#### TASK DETAILS:
Locate "#148=IFCSHAPEREPRESENTATION(#83,'Body','Tessellation',(#147));" in the listing below, then output the line holding it and every line after it, exactly and with nothing else.

#### RAW DATA:
= = = =

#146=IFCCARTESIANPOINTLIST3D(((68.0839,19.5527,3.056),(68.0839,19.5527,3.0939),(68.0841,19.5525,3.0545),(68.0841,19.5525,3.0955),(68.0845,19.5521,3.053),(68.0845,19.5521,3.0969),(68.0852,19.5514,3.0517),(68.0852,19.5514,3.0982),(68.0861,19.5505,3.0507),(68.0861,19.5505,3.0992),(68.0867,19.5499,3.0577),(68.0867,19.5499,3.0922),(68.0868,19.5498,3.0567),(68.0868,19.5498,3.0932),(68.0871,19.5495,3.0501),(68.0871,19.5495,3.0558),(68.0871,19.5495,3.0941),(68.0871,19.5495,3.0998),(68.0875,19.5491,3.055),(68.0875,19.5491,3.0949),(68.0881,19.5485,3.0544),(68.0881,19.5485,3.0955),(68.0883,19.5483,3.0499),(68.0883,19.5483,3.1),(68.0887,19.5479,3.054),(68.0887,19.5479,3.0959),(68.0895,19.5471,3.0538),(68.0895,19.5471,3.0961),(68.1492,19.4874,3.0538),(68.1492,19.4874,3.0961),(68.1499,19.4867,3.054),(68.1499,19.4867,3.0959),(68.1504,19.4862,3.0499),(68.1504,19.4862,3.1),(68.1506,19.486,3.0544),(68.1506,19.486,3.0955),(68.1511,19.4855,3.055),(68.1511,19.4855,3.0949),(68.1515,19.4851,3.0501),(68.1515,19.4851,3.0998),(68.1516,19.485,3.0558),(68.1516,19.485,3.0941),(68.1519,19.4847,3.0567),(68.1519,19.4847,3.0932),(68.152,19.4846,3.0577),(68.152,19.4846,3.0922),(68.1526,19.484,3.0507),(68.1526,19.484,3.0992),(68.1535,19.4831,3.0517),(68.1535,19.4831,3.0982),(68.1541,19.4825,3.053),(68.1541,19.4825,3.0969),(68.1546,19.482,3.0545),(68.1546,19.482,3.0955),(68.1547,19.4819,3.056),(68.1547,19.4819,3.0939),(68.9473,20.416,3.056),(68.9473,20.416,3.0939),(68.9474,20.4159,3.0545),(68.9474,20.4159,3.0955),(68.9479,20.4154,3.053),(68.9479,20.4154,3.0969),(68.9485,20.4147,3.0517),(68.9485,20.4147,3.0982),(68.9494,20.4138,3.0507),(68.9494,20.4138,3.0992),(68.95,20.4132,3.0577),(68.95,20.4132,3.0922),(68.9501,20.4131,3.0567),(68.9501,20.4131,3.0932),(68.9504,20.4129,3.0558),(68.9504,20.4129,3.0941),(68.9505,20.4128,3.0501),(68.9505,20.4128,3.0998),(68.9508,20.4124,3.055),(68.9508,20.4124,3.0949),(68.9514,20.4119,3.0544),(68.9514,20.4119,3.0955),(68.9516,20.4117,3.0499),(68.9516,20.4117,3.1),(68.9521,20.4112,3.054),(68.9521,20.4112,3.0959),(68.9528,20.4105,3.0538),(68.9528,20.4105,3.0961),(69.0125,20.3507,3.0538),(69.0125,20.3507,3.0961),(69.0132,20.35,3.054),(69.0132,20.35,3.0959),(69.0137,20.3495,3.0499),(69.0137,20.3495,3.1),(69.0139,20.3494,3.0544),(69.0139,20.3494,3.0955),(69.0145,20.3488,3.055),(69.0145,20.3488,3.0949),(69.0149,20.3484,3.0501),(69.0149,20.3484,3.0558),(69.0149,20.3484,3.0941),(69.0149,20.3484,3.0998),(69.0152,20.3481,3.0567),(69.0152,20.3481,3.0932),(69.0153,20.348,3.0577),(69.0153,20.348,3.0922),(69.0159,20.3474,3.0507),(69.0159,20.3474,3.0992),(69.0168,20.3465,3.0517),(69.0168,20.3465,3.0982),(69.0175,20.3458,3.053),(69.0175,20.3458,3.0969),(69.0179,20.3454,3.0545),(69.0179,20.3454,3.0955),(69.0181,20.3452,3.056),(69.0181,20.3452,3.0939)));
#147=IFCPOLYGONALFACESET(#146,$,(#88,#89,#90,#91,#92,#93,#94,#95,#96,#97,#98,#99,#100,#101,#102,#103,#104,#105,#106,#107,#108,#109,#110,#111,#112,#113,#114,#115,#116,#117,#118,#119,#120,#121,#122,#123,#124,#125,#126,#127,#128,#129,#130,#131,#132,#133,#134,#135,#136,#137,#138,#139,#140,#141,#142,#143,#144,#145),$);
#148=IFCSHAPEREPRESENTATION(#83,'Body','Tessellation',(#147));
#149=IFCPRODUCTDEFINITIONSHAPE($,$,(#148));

= = = =

#### EXERCISE SOLUTION:
#148=IFCSHAPEREPRESENTATION(#83,'Body','Tessellation',(#147));
#149=IFCPRODUCTDEFINITIONSHAPE($,$,(#148));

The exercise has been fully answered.